(Collected data entries)
····················
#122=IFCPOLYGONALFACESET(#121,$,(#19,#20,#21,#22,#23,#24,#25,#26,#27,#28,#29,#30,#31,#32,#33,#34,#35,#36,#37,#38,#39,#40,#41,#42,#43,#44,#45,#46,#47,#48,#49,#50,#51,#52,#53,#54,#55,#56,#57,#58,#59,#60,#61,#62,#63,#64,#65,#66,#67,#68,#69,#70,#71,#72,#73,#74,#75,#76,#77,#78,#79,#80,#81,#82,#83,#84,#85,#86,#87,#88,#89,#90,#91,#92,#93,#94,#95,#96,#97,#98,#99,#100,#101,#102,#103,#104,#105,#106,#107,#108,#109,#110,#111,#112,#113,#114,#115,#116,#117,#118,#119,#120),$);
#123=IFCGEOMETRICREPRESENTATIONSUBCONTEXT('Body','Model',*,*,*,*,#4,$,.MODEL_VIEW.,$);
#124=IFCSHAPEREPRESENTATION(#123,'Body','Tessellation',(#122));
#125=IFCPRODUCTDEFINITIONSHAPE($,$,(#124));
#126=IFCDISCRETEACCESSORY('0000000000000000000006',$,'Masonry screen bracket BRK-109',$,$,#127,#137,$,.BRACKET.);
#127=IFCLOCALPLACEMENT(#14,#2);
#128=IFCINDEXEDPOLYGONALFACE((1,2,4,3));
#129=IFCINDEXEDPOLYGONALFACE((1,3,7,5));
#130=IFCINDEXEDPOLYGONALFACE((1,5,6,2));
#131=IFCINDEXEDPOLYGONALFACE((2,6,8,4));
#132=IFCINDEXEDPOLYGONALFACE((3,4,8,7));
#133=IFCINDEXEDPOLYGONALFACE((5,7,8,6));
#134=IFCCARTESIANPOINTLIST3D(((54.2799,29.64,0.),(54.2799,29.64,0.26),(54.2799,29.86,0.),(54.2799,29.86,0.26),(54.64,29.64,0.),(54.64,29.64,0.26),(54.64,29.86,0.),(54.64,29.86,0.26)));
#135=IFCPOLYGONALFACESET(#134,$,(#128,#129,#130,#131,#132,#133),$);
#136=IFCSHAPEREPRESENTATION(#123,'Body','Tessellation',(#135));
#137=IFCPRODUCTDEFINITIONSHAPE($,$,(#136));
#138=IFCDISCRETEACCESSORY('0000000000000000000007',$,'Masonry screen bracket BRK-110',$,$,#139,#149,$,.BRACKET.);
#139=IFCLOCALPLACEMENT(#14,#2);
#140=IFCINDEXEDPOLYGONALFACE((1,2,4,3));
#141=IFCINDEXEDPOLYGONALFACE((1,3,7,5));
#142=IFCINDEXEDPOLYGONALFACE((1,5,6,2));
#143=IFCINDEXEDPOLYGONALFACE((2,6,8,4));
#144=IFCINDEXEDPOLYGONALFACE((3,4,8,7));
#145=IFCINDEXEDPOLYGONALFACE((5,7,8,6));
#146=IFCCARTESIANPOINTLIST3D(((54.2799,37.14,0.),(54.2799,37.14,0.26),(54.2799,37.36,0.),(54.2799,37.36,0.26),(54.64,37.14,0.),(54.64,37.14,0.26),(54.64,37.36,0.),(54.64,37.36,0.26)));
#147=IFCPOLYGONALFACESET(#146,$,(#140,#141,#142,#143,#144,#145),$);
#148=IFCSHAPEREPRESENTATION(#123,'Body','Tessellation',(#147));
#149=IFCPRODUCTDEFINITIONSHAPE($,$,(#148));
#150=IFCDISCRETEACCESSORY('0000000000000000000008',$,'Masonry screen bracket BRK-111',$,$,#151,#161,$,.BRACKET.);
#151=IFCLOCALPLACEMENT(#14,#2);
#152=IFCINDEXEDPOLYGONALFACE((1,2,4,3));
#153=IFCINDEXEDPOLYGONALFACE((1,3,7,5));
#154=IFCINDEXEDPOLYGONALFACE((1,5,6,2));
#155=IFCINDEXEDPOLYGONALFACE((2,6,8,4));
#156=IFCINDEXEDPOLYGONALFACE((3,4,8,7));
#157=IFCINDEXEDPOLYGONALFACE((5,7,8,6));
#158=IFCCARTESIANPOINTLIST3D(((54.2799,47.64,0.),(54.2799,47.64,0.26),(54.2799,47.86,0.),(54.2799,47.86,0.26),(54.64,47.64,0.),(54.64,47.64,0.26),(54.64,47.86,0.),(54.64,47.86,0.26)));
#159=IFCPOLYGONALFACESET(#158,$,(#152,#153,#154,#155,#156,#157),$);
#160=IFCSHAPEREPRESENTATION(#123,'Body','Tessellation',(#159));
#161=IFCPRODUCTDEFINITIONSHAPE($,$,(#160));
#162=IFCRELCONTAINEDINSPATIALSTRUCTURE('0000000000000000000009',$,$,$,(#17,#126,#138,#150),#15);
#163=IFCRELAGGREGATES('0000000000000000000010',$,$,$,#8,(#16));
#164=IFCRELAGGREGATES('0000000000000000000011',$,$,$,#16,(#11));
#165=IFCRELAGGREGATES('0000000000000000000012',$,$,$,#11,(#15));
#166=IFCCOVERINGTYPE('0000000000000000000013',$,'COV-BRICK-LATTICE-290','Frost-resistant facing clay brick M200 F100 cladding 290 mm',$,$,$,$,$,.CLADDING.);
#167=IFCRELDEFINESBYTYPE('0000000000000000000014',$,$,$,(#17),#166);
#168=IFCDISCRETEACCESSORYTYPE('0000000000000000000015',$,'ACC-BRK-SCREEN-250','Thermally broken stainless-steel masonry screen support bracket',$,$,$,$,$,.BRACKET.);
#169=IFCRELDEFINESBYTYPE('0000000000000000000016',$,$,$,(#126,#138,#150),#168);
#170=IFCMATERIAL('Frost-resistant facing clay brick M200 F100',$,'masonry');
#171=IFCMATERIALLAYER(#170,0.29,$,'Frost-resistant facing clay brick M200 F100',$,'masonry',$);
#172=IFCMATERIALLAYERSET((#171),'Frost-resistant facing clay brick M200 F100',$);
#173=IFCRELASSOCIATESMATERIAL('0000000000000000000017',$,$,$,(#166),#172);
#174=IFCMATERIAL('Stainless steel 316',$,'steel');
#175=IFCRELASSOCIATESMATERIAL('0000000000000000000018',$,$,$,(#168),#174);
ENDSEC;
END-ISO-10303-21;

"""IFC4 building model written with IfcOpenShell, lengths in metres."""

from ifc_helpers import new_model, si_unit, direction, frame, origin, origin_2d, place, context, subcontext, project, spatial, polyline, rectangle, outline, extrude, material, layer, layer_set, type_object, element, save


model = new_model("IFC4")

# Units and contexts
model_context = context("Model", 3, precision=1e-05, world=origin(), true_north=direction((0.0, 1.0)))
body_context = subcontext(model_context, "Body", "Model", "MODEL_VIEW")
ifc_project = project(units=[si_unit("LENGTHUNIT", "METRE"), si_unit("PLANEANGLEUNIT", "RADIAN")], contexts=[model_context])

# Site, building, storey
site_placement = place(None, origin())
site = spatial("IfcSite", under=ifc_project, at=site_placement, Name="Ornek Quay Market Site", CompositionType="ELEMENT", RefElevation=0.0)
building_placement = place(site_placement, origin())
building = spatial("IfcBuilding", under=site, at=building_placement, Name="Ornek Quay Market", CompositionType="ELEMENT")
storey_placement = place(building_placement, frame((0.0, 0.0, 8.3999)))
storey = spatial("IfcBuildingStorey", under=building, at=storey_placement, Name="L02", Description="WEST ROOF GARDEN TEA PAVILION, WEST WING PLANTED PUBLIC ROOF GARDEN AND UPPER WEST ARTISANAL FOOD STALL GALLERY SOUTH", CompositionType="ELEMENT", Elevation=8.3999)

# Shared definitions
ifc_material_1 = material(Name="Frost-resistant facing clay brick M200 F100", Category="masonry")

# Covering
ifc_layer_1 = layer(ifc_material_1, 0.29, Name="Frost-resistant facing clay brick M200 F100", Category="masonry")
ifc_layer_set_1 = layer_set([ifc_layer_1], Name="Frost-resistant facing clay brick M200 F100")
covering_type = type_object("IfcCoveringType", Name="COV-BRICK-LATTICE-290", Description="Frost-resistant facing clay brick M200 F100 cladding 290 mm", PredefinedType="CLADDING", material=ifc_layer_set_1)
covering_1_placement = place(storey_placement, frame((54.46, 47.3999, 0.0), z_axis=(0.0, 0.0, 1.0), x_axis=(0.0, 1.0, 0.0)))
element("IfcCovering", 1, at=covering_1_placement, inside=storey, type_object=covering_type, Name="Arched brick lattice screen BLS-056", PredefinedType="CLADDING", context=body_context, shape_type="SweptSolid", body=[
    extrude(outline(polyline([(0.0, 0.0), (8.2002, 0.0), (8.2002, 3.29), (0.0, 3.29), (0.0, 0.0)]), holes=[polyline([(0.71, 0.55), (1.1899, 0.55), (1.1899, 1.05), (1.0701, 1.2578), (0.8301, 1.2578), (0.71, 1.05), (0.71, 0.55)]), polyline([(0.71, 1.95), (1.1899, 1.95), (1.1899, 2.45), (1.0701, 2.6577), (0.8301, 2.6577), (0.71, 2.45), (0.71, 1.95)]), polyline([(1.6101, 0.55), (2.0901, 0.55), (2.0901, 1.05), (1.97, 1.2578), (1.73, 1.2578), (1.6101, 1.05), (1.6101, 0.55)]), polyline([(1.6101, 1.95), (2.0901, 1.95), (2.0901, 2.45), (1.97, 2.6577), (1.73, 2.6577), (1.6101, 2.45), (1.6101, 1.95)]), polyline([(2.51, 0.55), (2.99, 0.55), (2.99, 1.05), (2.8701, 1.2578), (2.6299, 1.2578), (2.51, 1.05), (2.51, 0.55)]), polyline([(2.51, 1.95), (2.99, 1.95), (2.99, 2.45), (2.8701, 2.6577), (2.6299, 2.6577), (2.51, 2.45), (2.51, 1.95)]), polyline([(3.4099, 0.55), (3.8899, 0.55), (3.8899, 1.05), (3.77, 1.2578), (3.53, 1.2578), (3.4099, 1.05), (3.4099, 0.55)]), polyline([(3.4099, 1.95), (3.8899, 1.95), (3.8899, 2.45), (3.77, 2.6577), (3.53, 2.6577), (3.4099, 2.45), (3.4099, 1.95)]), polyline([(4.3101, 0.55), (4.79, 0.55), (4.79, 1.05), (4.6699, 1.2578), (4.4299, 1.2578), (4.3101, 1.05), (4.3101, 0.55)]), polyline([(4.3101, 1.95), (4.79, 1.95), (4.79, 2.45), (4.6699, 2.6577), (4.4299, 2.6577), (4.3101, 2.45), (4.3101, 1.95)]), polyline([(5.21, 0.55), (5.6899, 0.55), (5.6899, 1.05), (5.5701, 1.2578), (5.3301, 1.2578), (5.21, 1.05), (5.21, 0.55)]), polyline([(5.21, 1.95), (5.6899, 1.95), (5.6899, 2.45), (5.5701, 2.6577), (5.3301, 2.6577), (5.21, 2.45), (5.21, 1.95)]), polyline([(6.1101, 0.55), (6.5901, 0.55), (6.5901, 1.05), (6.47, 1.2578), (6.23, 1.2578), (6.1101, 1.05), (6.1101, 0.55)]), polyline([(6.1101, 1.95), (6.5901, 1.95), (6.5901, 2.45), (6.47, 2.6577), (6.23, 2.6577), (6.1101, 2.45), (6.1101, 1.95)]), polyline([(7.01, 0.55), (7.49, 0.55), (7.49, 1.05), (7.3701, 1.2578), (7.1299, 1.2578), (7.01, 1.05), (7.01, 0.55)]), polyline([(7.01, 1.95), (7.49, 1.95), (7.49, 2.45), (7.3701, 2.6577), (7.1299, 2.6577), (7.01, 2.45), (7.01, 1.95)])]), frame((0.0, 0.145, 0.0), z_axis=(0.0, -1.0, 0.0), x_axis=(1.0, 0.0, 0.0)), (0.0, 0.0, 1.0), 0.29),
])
····················
What you will do: Restate, word for word and with nothing added, the lines from the beginning of the records above through the line that contains "#133=IFCINDEXEDPOLYGONALFACE((5,7,8,6));".

Solution for this exercise:
#122=IFCPOLYGONALFACESET(#121,$,(#19,#20,#21,#22,#23,#24,#25,#26,#27,#28,#29,#30,#31,#32,#33,#34,#35,#36,#37,#38,#39,#40,#41,#42,#43,#44,#45,#46,#47,#48,#49,#50,#51,#52,#53,#54,#55,#56,#57,#58,#59,#60,#61,#62,#63,#64,#65,#66,#67,#68,#69,#70,#71,#72,#73,#74,#75,#76,#77,#78,#79,#80,#81,#82,#83,#84,#85,#86,#87,#88,#89,#90,#91,#92,#93,#94,#95,#96,#97,#98,#99,#100,#101,#102,#103,#104,#105,#106,#107,#108,#109,#110,#111,#112,#113,#114,#115,#116,#117,#118,#119,#120),$);
#123=IFCGEOMETRICREPRESENTATIONSUBCONTEXT('Body','Model',*,*,*,*,#4,$,.MODEL_VIEW.,$);
#124=IFCSHAPEREPRESENTATION(#123,'Body','Tessellation',(#122));
#125=IFCPRODUCTDEFINITIONSHAPE($,$,(#124));
#126=IFCDISCRETEACCESSORY('0000000000000000000006',$,'Masonry screen bracket BRK-109',$,$,#127,#137,$,.BRACKET.);
#127=IFCLOCALPLACEMENT(#14,#2);
#128=IFCINDEXEDPOLYGONALFACE((1,2,4,3));
#129=IFCINDEXEDPOLYGONALFACE((1,3,7,5));
#130=IFCINDEXEDPOLYGONALFACE((1,5,6,2));
#131=IFCINDEXEDPOLYGONALFACE((2,6,8,4));
#132=IFCINDEXEDPOLYGONALFACE((3,4,8,7));
#133=IFCINDEXEDPOLYGONALFACE((5,7,8,6));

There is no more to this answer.